** Task description **
A copy is needed of each line in the records that has the word "contexts".

[Collected data entries]

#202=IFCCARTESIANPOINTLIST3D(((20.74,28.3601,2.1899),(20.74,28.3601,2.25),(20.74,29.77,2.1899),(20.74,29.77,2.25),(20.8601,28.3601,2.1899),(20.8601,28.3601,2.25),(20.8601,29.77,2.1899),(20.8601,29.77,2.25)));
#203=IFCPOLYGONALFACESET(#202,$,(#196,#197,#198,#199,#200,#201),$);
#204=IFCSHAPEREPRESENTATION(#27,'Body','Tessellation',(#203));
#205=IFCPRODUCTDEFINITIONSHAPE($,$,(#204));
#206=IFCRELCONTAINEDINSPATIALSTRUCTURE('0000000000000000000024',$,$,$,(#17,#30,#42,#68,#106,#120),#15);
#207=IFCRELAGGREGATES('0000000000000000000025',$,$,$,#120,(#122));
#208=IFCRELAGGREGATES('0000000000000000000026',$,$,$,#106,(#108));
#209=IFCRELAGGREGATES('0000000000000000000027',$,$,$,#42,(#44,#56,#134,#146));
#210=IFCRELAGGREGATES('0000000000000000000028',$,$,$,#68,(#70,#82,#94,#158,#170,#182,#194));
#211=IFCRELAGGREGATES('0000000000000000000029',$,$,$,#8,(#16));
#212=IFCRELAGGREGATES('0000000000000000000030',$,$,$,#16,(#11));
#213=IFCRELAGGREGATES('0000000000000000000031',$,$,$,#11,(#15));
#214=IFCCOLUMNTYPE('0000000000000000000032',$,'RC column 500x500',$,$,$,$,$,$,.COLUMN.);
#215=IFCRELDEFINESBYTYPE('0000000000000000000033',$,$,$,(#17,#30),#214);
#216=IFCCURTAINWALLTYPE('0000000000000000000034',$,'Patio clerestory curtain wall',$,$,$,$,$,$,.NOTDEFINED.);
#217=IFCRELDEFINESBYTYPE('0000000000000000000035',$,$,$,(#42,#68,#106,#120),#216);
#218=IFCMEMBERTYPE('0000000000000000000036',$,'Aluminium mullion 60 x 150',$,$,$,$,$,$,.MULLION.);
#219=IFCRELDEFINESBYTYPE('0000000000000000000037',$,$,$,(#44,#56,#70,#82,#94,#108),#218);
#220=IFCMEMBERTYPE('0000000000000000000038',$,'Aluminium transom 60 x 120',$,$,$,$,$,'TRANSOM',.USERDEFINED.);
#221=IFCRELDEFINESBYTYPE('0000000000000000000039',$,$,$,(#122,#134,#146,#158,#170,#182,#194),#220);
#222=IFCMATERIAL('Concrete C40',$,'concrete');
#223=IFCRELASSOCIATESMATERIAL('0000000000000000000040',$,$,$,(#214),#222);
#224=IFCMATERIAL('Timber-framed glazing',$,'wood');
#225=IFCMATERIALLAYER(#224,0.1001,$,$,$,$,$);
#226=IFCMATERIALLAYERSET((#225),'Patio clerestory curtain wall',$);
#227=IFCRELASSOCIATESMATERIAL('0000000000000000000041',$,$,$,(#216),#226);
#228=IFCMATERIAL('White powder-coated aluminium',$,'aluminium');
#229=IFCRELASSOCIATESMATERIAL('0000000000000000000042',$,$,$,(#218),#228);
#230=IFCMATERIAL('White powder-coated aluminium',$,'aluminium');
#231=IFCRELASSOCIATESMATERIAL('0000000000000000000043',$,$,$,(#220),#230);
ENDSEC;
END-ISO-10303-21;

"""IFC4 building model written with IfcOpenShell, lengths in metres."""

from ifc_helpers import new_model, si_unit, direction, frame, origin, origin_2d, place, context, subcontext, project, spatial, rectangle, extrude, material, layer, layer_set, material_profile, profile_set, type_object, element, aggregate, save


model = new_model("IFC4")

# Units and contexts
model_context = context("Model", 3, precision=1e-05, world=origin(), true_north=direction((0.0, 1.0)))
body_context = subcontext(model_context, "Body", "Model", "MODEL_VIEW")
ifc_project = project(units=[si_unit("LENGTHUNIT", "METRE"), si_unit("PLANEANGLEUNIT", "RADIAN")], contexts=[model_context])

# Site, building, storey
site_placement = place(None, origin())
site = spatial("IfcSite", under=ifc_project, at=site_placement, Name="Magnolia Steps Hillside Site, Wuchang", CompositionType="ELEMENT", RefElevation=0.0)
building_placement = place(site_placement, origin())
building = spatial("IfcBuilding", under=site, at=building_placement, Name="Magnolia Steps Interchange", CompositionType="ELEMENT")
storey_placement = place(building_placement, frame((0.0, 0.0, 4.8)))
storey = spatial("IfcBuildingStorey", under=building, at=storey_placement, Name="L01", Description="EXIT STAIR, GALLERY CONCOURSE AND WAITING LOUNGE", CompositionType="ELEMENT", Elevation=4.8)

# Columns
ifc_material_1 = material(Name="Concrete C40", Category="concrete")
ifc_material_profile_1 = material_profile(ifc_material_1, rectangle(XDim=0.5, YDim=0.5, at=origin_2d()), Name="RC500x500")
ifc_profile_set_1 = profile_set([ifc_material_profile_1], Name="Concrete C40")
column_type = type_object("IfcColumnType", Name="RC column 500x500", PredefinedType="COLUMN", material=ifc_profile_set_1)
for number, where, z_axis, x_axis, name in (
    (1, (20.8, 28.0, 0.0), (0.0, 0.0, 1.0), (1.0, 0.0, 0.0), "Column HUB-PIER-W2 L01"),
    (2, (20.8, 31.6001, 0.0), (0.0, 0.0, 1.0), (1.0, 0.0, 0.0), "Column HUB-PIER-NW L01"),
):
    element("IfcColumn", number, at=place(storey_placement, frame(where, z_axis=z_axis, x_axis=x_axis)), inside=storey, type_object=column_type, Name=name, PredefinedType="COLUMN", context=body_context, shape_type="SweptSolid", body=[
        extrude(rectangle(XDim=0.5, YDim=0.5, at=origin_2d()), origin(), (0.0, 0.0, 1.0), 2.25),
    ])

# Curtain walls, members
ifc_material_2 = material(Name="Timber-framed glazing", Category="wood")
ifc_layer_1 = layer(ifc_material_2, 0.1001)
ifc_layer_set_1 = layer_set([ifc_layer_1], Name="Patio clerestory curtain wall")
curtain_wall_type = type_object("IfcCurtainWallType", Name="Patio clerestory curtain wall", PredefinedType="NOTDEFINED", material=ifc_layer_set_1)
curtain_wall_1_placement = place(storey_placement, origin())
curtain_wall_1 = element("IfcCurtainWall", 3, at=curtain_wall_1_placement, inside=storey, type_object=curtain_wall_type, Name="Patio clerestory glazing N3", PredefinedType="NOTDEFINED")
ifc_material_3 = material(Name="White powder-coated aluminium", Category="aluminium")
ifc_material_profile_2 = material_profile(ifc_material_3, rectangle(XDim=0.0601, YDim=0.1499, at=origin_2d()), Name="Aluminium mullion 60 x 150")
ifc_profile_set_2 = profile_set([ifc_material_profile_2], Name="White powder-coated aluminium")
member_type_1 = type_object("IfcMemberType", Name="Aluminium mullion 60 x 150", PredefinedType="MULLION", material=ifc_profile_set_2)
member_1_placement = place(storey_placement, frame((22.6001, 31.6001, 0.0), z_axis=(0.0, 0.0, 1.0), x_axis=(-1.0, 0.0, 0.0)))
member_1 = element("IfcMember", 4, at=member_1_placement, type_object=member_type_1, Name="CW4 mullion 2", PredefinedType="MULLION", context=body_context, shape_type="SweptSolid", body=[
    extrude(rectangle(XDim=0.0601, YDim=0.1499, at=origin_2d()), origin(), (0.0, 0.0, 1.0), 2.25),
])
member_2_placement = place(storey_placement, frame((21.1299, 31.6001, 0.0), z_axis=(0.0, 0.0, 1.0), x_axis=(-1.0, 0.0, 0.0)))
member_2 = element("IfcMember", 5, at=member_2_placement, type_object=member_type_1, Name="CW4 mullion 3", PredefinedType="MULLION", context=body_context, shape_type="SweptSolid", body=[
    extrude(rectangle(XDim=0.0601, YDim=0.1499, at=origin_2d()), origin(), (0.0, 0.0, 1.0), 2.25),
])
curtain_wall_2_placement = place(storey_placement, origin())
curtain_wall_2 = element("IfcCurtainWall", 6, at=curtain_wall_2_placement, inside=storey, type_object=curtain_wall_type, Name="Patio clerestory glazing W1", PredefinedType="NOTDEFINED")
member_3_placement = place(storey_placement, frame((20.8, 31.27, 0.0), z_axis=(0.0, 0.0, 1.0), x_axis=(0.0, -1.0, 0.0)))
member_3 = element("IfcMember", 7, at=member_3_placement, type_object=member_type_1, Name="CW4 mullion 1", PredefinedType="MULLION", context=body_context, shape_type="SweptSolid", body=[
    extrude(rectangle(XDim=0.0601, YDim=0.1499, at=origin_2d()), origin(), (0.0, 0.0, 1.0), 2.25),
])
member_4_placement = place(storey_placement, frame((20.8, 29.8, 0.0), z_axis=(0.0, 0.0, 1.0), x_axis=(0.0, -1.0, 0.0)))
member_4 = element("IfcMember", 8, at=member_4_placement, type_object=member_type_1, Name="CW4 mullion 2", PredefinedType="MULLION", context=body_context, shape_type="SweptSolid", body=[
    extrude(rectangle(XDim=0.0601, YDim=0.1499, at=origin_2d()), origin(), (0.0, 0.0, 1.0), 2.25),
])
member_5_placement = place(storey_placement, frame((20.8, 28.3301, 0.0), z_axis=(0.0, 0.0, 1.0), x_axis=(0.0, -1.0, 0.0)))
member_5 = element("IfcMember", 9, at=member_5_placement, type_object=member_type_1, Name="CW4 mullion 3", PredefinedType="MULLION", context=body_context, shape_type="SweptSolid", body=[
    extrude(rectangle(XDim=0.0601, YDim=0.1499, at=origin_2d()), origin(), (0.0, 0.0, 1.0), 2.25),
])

** Exercise answer **
# Units and contexts
ifc_project = project(units=[si_unit("LENGTHUNIT", "METRE"), si_unit("PLANEANGLEUNIT", "RADIAN")], contexts=[model_context])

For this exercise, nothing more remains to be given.